→ **THE TASK**: In the data below, one line contains "#43=IFCPOLYGONALFACESET(#42,$,(#36,#37,#38,#39,#40,#41),$);" and a later one contains "#55=IFCPOLYGONALFACESET(#54,$,(#48,#49,#50,#51,#52,#53),$);". Print both, with every line between them, exactly and alone.

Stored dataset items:
========

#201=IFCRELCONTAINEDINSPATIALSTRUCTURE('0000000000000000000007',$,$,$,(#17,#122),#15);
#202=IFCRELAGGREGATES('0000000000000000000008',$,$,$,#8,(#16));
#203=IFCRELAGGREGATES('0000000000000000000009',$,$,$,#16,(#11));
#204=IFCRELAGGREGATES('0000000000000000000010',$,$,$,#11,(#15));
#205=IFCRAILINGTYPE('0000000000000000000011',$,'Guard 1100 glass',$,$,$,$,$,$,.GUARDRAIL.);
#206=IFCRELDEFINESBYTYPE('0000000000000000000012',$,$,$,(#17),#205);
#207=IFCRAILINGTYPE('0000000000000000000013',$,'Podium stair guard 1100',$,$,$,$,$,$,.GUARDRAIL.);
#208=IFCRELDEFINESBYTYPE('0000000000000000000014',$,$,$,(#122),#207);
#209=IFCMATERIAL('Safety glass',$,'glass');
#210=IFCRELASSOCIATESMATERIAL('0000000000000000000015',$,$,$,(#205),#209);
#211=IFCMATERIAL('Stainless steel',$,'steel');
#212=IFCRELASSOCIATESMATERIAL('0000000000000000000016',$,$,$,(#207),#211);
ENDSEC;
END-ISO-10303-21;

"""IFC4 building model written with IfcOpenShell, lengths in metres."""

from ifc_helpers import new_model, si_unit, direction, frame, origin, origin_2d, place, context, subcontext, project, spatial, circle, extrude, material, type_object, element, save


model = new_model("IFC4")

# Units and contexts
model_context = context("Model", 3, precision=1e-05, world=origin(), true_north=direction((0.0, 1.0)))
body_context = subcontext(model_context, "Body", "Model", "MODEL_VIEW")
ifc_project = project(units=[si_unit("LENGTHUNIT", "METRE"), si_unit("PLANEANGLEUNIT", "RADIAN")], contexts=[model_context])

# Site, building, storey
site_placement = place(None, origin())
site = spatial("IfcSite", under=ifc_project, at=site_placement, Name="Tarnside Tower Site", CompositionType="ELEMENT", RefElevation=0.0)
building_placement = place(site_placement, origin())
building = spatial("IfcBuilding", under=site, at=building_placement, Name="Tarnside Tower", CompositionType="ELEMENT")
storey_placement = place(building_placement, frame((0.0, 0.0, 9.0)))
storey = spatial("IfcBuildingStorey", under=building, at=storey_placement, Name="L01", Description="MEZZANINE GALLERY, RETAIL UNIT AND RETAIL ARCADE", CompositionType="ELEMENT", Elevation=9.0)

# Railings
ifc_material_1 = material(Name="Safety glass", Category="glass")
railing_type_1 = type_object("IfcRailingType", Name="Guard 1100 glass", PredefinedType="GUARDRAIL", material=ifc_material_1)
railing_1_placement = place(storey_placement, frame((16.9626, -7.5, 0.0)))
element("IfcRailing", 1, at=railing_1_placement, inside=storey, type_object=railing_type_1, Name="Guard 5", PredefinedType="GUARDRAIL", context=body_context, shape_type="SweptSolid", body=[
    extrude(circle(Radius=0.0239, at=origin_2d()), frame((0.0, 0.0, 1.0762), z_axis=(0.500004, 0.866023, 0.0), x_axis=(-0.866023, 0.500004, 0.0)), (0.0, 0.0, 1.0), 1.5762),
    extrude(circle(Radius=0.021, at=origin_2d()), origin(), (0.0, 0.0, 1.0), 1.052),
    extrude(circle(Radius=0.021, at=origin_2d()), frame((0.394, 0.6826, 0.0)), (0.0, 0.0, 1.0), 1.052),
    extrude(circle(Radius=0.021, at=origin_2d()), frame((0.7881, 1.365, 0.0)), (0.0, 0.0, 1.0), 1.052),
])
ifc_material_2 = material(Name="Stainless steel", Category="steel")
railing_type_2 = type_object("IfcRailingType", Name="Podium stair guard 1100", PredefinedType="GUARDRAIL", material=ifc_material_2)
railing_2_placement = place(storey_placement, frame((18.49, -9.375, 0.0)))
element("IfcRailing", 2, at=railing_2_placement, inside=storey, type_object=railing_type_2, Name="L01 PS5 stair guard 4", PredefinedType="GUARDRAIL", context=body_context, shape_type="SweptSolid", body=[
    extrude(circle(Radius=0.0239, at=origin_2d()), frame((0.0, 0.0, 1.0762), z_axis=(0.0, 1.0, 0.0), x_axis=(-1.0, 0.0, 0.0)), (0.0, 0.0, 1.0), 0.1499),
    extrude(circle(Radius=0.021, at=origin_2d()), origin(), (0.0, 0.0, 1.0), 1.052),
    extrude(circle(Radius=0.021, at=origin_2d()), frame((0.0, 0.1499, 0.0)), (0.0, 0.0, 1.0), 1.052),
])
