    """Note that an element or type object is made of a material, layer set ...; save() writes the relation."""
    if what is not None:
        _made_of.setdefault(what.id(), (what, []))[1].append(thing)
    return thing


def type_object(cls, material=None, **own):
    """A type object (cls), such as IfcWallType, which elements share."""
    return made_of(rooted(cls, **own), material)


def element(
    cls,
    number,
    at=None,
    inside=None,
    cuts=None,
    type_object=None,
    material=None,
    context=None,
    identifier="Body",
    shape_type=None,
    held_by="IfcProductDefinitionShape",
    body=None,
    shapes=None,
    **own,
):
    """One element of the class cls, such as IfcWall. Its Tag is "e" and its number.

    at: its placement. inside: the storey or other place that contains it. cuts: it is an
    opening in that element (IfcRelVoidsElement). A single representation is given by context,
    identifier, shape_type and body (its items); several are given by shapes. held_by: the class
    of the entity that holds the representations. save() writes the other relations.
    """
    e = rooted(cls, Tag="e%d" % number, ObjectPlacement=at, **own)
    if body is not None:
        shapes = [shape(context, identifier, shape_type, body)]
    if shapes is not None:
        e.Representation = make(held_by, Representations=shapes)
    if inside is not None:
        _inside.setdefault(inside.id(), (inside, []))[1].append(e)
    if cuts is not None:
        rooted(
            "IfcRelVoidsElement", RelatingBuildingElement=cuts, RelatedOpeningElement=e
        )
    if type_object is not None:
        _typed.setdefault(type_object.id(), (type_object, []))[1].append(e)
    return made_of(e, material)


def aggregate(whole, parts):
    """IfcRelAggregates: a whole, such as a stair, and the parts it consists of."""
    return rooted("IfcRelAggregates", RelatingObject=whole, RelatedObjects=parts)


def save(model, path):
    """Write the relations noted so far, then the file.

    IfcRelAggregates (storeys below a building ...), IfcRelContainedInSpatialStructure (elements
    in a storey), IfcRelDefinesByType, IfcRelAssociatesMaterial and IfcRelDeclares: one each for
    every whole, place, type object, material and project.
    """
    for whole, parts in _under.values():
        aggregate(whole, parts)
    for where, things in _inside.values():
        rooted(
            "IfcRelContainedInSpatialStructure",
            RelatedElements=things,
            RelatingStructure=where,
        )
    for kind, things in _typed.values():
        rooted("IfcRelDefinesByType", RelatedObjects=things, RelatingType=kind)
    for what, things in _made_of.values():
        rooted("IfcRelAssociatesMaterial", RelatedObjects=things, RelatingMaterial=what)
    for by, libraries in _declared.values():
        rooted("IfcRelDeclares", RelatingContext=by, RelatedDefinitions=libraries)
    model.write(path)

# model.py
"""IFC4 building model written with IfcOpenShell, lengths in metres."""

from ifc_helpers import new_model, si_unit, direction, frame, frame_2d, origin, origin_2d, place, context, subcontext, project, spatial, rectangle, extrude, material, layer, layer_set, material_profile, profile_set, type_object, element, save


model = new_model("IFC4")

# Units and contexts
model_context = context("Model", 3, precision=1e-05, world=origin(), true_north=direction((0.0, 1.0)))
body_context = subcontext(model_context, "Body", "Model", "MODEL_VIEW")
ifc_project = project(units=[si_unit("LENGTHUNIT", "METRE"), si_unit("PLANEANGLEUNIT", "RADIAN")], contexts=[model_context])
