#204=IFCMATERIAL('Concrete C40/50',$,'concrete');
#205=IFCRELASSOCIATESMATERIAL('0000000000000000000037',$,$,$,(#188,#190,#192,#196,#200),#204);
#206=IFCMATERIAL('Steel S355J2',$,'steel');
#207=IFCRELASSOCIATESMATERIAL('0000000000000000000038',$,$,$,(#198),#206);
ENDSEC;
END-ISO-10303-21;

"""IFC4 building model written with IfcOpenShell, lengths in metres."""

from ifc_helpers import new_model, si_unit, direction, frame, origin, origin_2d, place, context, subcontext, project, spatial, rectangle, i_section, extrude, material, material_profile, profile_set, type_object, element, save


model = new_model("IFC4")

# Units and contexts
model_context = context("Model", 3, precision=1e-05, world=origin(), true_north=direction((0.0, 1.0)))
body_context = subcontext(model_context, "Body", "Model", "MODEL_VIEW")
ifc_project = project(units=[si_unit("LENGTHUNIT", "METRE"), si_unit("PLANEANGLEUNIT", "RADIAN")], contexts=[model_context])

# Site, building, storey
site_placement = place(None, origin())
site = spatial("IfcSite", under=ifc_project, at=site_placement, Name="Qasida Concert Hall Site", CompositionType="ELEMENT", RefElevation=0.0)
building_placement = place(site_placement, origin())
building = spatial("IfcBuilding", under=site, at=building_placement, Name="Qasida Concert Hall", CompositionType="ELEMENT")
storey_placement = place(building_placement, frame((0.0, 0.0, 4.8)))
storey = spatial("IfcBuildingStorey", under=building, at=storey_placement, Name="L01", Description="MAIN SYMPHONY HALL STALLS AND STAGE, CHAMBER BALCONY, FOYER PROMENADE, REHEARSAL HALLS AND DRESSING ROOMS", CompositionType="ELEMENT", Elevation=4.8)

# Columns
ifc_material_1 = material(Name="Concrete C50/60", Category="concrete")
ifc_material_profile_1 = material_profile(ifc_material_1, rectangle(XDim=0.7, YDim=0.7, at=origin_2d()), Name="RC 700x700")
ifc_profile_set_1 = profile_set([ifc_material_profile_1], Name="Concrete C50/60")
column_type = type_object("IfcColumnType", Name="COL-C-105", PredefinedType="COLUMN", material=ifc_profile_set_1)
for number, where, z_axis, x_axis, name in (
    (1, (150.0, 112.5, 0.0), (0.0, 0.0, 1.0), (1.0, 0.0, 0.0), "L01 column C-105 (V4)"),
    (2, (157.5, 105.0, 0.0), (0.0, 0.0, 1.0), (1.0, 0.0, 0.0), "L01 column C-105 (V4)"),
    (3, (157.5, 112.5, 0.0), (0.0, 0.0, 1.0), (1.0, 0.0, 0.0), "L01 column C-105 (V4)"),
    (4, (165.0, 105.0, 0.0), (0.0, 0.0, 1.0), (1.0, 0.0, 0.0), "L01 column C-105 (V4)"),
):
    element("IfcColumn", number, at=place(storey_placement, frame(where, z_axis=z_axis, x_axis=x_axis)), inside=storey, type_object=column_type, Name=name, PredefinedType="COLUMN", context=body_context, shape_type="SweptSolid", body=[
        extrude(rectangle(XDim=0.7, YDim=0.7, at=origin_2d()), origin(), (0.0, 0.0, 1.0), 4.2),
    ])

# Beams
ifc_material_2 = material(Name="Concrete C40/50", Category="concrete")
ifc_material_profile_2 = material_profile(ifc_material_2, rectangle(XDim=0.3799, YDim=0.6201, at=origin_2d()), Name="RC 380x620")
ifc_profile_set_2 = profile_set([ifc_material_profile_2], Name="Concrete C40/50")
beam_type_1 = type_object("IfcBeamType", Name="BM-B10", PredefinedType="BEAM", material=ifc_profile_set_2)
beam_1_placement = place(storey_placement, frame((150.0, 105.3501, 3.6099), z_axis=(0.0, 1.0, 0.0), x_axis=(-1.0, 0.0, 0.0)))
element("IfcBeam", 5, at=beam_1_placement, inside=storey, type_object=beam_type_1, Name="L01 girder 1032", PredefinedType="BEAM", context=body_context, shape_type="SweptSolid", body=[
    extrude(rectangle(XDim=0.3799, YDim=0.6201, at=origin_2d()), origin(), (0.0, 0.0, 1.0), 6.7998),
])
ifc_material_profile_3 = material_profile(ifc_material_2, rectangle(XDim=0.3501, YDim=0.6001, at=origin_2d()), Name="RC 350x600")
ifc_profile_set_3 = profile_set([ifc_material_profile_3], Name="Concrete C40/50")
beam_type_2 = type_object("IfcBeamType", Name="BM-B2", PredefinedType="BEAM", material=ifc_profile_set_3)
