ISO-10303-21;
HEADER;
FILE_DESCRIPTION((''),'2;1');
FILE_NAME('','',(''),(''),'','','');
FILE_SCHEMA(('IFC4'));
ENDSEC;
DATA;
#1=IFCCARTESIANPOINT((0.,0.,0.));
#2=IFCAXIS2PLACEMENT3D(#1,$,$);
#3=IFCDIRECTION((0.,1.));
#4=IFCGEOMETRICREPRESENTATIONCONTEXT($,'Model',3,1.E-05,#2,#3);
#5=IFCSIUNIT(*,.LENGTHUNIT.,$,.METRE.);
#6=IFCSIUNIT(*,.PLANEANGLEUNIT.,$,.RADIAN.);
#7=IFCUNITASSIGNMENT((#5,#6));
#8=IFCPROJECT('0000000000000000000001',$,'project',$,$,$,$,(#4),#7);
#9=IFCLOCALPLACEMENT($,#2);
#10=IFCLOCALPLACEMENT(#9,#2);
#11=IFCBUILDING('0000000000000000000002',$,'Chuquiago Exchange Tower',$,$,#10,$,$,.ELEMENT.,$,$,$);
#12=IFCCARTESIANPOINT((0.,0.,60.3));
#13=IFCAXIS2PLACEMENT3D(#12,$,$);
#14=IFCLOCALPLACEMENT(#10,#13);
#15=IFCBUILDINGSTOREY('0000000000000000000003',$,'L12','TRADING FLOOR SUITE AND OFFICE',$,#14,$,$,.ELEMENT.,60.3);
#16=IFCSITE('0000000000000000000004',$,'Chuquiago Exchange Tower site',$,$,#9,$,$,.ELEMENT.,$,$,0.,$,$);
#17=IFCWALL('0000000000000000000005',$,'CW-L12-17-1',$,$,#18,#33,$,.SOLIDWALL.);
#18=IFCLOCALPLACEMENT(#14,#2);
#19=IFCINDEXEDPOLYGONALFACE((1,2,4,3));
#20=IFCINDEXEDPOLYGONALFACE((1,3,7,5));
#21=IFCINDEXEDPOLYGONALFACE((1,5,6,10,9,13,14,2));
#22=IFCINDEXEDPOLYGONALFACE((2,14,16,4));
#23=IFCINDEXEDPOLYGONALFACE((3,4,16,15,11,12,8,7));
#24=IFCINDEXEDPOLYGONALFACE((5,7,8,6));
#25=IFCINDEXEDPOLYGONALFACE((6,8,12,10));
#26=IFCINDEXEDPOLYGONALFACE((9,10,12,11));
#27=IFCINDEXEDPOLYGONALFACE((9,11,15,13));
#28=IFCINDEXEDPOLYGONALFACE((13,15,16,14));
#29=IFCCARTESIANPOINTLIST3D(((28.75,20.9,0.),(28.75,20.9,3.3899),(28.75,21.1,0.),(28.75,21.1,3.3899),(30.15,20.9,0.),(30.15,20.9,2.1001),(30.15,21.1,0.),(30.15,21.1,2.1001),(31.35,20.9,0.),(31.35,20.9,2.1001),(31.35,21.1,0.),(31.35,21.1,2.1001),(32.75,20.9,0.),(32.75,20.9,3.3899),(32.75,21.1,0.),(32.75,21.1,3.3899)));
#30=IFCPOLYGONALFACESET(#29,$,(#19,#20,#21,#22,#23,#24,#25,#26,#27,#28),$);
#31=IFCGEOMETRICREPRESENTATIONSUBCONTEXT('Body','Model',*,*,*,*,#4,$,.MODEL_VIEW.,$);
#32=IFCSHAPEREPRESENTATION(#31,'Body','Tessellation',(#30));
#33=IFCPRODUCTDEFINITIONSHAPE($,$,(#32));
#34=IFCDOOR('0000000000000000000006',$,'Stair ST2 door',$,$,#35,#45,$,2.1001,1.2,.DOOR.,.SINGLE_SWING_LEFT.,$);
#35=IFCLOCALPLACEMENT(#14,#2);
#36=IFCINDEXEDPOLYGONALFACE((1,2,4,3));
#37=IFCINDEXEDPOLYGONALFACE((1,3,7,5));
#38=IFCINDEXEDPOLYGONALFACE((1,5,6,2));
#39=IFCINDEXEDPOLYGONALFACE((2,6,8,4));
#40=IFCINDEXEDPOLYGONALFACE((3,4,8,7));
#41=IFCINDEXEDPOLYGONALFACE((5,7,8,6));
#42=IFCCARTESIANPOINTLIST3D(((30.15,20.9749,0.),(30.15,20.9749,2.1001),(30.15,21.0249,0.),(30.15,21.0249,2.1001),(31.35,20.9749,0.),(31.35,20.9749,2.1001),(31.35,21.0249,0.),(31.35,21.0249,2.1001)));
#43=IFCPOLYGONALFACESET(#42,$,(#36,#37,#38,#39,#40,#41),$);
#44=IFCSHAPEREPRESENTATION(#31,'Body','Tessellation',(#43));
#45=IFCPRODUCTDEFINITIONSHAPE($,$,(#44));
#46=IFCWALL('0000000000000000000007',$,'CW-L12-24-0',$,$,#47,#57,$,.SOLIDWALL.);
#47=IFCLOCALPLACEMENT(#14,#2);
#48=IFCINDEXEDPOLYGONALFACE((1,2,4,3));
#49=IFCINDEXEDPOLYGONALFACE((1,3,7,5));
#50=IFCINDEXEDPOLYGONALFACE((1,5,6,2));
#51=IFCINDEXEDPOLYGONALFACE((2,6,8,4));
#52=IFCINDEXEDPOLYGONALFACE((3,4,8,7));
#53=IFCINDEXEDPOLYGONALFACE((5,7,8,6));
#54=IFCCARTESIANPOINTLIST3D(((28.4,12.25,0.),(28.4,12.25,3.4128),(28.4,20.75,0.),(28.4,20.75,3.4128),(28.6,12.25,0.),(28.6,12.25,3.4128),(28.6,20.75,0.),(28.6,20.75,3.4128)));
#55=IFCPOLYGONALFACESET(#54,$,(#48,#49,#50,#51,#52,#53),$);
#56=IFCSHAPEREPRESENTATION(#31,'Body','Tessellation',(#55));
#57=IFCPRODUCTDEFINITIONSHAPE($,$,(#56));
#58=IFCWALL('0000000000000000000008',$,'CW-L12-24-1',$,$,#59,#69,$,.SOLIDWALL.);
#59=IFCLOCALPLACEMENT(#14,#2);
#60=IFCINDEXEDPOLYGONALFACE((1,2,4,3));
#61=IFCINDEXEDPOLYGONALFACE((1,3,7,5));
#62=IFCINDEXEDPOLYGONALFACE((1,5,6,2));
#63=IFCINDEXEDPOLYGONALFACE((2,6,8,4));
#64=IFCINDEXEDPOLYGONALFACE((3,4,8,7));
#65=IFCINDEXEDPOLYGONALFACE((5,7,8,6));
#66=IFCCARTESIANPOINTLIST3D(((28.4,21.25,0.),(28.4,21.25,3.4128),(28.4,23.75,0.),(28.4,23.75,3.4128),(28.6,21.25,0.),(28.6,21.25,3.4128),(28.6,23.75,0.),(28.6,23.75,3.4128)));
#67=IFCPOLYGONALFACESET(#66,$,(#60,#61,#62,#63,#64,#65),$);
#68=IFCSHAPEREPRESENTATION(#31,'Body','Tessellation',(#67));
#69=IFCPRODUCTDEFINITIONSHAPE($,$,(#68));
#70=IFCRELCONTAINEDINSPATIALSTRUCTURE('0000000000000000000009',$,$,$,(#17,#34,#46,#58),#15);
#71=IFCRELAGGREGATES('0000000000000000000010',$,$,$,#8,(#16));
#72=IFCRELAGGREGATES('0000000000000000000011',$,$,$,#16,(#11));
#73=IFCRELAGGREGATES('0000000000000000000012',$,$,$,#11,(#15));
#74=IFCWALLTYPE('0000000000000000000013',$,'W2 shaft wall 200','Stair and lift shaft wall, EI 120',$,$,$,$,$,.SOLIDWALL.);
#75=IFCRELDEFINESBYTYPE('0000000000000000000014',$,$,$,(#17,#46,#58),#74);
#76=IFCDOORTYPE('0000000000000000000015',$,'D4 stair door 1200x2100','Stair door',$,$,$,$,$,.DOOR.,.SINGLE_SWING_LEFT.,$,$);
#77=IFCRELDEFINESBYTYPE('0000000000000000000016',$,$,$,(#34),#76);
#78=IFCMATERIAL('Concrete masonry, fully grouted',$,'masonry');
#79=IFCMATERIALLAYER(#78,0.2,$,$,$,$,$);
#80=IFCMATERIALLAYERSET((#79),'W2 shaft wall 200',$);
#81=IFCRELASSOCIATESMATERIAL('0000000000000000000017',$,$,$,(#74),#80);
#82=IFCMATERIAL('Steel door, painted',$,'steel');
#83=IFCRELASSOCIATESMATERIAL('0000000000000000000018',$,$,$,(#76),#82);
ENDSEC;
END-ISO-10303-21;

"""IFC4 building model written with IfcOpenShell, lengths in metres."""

from ifc_helpers import new_model, si_unit, direction, frame, frame_2d, origin, place, context, subcontext, project, spatial, rectangle, extrude, material, layer, layer_set, type_object, element, fill, save


model = new_model("IFC4")

# Units and contexts
model_context = context("Model", 3, precision=1e-05, world=origin(), true_north=direction((0.0, 1.0)))
body_context = subcontext(model_context, "Body", "Model", "MODEL_VIEW")
ifc_project = project(units=[si_unit("LENGTHUNIT", "METRE"), si_unit("PLANEANGLEUNIT", "RADIAN")], contexts=[model_context])

# Site, building, storey
site_placement = place(None, origin())
site = spatial("IfcSite", under=ifc_project, at=site_placement, Name="Chuquiago Exchange Tower site", CompositionType="ELEMENT", RefElevation=0.0)
building_placement = place(site_placement, origin())
building = spatial("IfcBuilding", under=site, at=building_placement, Name="Chuquiago Exchange Tower", CompositionType="ELEMENT")
storey_placement = place(building_placement, frame((0.0, 0.0, 60.3)))
storey = spatial("IfcBuildingStorey", under=building, at=storey_placement, Name="L12", Description="TRADING FLOOR SUITE AND OFFICE", CompositionType="ELEMENT", Elevation=60.3)

# Wall, opening, door
ifc_material_1 = material(Name="Concrete masonry, fully grouted", Category="masonry")
ifc_layer_1 = layer(ifc_material_1, 0.2)
ifc_layer_set_1 = layer_set([ifc_layer_1], Name="W2 shaft wall 200")
wall_type_1 = type_object("IfcWallType", Name="W2 shaft wall 200", Description="Stair and lift shaft wall, EI 120", PredefinedType="SOLIDWALL", material=ifc_layer_set_1)
wall_1_placement = place(storey_placement, frame((28.75, 21.0, 0.0), z_axis=(0.0, 0.0, 1.0), x_axis=(1.0, 0.0, 0.0)))
wall_1 = element("IfcWall", 1, at=wall_1_placement, inside=storey, type_object=wall_type_1, Name="CW-L12-17-1", PredefinedType="SOLIDWALL", context=body_context, shape_type="SweptSolid", body=[
    extrude(rectangle(XDim=4.0, YDim=0.2, at=frame_2d((2.0, 0.0))), origin(), (0.0, 0.0, 1.0), 3.3899),
])
opening_1_placement = place(wall_1_placement, frame((1.3999, 0.0, 0.0)))
opening_1 = element("IfcOpeningElement", 2, at=opening_1_placement, cuts=wall_1, PredefinedType="OPENING", context=body_context, shape_type="SweptSolid", body=[
    extrude(rectangle(XDim=1.2, YDim=2.1001, at=frame_2d((0.6001, 1.05))), frame((0.0, 0.1099, 0.0), z_axis=(0.0, -1.0, 0.0), x_axis=(1.0, 0.0, 0.0)), (0.0, 0.0, 1.0), 0.22),
])
ifc_material_2 = material(Name="Steel door, painted", Category="steel")
door_type_1 = type_object("IfcDoorType", Name="D4 stair door 1200x2100", Description="Stair door", OperationType="SINGLE_SWING_LEFT", PredefinedType="DOOR", material=ifc_material_2)
door_1_placement = place(opening_1_placement, origin())
door_1 = element("IfcDoor", 3, at=door_1_placement, inside=storey, type_object=door_type_1, Name="Stair ST2 door", OperationType="SINGLE_SWING_LEFT", OverallHeight=2.1001, OverallWidth=1.2, PredefinedType="DOOR", context=body_context, shape_type="SweptSolid", body=[
    extrude(rectangle(XDim=1.2, YDim=2.1001, at=frame_2d((0.6001, 1.05))), frame((0.0, 0.0249, 0.0), z_axis=(0.0, -1.0, 0.0), x_axis=(1.0, 0.0, 0.0)), (0.0, 0.0, 1.0), 0.05),
])
fill(opening_1, door_1)

# Walls
wall_2_placement = place(storey_placement, frame((28.5, 12.25, 0.0), z_axis=(0.0, 0.0, 1.0), x_axis=(0.0, 1.0, 0.0)))
element("IfcWall", 4, at=wall_2_placement, inside=storey, type_object=wall_type_1, Name="CW-L12-24-0", PredefinedType="SOLIDWALL", context=body_context, shape_type="SweptSolid", body=[
    extrude(rectangle(XDim=8.5, YDim=0.2, at=frame_2d((4.25, 0.0))), origin(), (0.0, 0.0, 1.0), 3.4128),
])
wall_3_placement = place(storey_placement, frame((28.5, 21.25, 0.0), z_axis=(0.0, 0.0, 1.0), x_axis=(0.0, 1.0, 0.0)))
element("IfcWall", 5, at=wall_3_placement, inside=storey, type_object=wall_type_1, Name="CW-L12-24-1", PredefinedType="SOLIDWALL", context=body_context, shape_type="SweptSolid", body=[
    extrude(rectangle(XDim=2.5, YDim=0.2, at=frame_2d((1.25, 0.0))), origin(), (0.0, 0.0, 1.0), 3.4128),
])

save(model, "model.ifc")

========

→ **RESULT FOR THIS TASK**:
#43=IFCPOLYGONALFACESET(#42,$,(#36,#37,#38,#39,#40,#41),$);
#44=IFCSHAPEREPRESENTATION(#31,'Body','Tessellation',(#43));
#45=IFCPRODUCTDEFINITIONSHAPE($,$,(#44));
#46=IFCWALL('0000000000000000000007',$,'CW-L12-24-0',$,$,#47,#57,$,.SOLIDWALL.);
#47=IFCLOCALPLACEMENT(#14,#2);
#48=IFCINDEXEDPOLYGONALFACE((1,2,4,3));
#49=IFCINDEXEDPOLYGONALFACE((1,3,7,5));
#50=IFCINDEXEDPOLYGONALFACE((1,5,6,2));
#51=IFCINDEXEDPOLYGONALFACE((2,6,8,4));
#52=IFCINDEXEDPOLYGONALFACE((3,4,8,7));
#53=IFCINDEXEDPOLYGONALFACE((5,7,8,6));
#54=IFCCARTESIANPOINTLIST3D(((28.4,12.25,0.),(28.4,12.25,3.4128),(28.4,20.75,0.),(28.4,20.75,3.4128),(28.6,12.25,0.),(28.6,12.25,3.4128),(28.6,20.75,0.),(28.6,20.75,3.4128)));
#55=IFCPOLYGONALFACESET(#54,$,(#48,#49,#50,#51,#52,#53),$);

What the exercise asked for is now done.